» Exercise prompt
Your task is to copy every line of the records below that contains "IFCLOCALPLACEMENT".
(Source material begins)
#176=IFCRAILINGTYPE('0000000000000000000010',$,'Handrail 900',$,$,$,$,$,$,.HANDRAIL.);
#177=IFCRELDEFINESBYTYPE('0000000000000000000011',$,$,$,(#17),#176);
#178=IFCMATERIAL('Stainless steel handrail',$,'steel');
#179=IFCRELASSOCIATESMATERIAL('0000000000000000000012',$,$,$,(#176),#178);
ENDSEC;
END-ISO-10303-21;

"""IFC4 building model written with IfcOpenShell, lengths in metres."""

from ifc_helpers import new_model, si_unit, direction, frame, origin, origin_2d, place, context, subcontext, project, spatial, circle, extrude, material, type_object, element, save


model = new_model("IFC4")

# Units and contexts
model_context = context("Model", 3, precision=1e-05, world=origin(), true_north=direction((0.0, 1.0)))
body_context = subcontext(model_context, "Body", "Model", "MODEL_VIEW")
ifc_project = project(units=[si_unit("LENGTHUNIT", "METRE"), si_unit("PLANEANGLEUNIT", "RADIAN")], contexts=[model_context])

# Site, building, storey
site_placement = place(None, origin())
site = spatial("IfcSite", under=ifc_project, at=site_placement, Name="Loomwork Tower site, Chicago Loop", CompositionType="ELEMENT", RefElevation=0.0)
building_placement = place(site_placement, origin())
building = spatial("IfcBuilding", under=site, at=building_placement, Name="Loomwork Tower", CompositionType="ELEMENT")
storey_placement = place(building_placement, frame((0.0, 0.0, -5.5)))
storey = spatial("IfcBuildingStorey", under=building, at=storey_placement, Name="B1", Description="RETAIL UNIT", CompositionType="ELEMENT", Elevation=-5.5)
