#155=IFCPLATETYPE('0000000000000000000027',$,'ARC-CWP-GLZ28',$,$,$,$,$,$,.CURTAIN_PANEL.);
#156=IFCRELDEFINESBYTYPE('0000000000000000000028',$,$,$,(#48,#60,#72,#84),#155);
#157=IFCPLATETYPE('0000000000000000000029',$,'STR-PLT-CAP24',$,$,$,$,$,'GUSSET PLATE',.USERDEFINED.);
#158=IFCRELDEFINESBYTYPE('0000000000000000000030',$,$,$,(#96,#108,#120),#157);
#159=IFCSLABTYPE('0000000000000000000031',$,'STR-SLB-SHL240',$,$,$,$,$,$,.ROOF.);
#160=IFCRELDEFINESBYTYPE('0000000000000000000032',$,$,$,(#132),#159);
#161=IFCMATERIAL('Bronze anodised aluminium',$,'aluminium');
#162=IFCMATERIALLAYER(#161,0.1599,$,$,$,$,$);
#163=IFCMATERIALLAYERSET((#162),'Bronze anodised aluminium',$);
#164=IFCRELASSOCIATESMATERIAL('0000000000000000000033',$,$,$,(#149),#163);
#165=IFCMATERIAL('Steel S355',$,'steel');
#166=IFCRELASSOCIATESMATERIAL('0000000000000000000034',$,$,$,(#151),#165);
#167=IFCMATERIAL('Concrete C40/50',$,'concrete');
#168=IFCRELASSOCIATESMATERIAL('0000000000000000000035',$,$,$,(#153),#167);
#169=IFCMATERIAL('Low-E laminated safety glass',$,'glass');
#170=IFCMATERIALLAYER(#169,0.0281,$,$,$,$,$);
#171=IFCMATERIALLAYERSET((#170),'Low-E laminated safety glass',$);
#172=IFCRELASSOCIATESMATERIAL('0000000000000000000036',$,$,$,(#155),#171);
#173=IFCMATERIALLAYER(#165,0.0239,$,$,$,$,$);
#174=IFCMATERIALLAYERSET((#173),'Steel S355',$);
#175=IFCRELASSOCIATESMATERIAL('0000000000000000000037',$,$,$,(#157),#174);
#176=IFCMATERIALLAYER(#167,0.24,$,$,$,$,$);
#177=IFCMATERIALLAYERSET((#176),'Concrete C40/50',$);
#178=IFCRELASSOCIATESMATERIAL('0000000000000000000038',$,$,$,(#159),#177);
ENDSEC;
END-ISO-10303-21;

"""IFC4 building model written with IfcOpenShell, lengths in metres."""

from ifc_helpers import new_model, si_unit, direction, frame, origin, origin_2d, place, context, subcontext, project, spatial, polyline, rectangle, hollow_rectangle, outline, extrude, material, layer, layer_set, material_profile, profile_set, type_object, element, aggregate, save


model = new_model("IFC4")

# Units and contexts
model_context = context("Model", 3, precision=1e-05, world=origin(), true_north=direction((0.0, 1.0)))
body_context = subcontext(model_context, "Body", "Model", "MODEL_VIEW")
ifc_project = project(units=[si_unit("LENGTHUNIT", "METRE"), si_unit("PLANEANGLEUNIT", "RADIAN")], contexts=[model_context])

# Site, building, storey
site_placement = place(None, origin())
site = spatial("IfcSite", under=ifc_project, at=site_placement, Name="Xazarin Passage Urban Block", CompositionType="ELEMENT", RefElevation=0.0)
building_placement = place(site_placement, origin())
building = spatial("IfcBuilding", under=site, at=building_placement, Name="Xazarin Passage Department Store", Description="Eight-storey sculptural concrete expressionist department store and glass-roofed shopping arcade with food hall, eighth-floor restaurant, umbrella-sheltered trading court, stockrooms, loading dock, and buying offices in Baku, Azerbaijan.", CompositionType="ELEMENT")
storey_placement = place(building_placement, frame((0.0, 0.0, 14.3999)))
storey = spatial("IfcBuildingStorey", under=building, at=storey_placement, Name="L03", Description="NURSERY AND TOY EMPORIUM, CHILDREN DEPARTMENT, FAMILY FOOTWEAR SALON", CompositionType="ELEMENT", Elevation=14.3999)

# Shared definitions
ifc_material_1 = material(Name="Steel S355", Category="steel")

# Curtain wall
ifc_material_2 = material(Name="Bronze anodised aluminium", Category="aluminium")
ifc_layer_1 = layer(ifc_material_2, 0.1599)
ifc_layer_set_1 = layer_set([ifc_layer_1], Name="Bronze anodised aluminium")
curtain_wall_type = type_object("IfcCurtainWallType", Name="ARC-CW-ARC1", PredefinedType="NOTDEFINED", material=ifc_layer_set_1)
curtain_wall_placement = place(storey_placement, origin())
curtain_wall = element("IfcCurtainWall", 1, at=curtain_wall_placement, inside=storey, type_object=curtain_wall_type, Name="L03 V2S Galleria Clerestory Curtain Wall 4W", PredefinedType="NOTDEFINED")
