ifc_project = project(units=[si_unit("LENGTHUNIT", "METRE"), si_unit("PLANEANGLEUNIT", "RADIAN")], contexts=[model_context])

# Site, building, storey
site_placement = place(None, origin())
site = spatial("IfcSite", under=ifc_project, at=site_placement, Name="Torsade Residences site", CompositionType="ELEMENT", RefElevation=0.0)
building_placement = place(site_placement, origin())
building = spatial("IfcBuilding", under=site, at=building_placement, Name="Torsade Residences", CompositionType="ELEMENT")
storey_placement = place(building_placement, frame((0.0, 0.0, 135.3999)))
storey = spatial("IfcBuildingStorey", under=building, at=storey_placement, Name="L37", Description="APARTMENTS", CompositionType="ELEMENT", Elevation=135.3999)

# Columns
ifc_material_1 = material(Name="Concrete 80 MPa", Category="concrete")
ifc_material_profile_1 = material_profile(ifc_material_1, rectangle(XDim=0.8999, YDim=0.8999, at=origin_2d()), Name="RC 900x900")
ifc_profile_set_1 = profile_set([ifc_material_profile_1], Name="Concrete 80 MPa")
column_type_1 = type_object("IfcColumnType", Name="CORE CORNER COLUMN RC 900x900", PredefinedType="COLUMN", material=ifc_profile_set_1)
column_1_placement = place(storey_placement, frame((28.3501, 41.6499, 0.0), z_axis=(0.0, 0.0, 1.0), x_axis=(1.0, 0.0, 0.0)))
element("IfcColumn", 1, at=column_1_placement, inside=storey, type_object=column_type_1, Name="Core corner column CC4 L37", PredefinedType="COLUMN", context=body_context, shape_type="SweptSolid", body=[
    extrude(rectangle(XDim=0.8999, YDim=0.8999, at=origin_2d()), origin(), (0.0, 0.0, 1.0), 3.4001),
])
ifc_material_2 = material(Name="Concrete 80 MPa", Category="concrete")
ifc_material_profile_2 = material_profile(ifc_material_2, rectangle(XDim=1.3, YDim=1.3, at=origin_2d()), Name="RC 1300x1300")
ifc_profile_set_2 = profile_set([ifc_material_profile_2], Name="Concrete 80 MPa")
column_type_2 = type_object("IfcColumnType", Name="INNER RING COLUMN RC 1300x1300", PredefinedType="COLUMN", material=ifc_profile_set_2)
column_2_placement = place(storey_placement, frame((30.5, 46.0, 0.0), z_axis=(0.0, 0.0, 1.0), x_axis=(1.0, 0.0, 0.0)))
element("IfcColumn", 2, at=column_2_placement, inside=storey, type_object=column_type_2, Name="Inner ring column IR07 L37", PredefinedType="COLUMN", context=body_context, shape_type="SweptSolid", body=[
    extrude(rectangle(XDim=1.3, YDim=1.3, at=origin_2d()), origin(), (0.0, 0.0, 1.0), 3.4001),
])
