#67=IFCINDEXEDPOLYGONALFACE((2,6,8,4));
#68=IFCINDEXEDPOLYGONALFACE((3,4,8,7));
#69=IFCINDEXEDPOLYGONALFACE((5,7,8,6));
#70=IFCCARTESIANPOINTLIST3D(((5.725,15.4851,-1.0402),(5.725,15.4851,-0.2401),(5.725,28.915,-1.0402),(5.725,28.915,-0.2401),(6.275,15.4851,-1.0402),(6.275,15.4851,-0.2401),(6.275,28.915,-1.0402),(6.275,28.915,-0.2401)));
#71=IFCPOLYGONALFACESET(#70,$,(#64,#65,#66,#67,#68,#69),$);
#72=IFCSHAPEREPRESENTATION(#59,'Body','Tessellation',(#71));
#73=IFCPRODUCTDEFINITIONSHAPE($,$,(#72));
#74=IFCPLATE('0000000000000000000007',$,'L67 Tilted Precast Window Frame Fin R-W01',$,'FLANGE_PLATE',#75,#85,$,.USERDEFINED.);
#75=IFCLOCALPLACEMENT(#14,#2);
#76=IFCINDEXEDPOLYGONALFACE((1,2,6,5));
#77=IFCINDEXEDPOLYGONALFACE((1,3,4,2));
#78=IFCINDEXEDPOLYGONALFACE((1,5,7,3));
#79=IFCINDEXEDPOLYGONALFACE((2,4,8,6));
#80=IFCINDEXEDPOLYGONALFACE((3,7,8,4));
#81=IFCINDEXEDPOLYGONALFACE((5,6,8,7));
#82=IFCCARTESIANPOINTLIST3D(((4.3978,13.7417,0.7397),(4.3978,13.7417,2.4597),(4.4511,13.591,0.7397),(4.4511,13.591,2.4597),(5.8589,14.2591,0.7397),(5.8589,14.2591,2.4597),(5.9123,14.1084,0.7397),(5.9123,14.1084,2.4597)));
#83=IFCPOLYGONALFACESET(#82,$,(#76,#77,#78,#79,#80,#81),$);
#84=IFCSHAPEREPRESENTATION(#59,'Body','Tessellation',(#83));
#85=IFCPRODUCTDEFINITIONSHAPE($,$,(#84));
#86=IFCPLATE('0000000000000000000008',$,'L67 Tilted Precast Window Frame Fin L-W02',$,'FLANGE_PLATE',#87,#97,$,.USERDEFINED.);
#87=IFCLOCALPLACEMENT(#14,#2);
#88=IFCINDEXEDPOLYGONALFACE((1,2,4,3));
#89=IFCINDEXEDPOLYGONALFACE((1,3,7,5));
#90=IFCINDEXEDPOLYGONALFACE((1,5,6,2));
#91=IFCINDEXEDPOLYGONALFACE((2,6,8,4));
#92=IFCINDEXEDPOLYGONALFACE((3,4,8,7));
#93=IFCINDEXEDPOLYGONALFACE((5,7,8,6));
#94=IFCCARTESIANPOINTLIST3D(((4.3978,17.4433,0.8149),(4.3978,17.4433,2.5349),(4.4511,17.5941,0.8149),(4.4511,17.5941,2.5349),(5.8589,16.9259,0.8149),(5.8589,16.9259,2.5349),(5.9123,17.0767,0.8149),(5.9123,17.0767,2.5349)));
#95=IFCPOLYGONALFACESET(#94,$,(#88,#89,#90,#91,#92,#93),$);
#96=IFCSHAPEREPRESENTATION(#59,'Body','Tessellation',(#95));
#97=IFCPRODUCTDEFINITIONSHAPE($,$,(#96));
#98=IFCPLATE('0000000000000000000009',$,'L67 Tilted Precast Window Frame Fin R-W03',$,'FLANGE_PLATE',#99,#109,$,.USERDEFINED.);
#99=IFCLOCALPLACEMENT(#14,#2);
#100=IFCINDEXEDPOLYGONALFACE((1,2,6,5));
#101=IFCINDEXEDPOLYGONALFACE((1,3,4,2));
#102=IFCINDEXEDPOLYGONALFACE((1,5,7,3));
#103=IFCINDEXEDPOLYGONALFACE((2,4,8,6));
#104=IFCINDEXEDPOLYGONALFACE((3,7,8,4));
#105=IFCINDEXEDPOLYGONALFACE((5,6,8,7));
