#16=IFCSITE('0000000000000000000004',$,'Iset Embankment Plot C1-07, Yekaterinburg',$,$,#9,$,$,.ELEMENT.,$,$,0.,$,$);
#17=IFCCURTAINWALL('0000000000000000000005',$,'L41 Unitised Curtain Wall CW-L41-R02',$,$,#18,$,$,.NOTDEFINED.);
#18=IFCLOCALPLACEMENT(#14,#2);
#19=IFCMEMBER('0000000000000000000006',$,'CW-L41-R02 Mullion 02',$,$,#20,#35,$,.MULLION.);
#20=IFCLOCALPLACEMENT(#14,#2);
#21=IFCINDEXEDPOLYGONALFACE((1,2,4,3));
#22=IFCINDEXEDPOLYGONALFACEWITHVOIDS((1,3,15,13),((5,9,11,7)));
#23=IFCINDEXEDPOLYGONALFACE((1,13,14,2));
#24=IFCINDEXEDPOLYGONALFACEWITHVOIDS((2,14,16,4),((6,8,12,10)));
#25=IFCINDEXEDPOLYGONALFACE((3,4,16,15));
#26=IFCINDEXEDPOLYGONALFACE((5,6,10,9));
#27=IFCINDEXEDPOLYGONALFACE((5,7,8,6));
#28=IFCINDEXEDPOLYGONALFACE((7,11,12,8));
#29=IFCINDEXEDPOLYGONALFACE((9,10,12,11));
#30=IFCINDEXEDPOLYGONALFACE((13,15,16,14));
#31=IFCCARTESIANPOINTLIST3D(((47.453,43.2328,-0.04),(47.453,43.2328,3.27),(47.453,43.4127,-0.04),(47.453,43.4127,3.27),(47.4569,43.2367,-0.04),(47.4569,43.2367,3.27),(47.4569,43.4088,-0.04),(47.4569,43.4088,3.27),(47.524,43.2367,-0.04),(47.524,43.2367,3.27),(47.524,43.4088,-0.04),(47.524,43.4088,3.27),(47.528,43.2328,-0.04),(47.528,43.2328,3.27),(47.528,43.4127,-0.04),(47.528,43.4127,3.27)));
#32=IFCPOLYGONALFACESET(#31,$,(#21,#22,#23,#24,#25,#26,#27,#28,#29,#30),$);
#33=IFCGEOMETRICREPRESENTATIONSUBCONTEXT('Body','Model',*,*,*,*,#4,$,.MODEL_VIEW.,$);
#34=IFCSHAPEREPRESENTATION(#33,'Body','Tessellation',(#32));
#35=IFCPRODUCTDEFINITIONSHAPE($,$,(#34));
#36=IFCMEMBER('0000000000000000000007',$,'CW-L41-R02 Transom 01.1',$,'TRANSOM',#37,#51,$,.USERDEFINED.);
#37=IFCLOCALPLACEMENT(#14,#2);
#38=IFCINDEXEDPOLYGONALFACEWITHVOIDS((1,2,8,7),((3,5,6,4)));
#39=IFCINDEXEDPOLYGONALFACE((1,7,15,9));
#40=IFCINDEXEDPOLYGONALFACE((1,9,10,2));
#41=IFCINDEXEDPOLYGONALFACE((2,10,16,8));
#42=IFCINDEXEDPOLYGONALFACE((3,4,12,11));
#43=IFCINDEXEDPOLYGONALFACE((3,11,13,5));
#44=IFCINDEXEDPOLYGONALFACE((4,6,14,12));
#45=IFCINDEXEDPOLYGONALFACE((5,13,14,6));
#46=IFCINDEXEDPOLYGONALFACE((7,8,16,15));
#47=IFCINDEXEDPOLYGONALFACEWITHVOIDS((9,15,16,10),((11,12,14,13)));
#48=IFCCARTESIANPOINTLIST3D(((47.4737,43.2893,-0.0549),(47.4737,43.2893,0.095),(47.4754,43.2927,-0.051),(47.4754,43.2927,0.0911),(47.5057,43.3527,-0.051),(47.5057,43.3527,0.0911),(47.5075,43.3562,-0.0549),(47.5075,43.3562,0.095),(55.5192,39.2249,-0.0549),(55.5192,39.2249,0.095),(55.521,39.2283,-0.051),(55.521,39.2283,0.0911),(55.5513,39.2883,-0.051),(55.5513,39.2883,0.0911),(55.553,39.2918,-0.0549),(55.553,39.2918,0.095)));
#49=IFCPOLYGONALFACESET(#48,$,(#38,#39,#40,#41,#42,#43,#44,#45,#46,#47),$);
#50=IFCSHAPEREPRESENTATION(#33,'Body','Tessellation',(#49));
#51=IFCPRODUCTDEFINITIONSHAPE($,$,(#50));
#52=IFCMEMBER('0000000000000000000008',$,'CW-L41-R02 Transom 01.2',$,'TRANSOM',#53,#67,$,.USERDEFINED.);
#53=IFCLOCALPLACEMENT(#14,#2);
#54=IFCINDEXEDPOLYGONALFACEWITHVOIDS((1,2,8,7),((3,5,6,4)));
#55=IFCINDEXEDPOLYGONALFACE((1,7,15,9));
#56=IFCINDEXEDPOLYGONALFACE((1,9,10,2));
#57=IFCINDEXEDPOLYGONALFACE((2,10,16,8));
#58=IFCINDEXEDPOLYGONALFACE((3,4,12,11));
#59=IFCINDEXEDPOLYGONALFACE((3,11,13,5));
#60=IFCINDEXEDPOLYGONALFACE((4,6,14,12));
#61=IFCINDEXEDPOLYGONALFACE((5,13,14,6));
(Source material ends)
» Result
#75=IFCLOCALPLACEMENT(#14,#2);
#87=IFCLOCALPLACEMENT(#14,#2);
#99=IFCLOCALPLACEMENT(#14,#2);
#18=IFCLOCALPLACEMENT(#14,#2);
#20=IFCLOCALPLACEMENT(#14,#2);
#37=IFCLOCALPLACEMENT(#14,#2);
#53=IFCLOCALPLACEMENT(#14,#2);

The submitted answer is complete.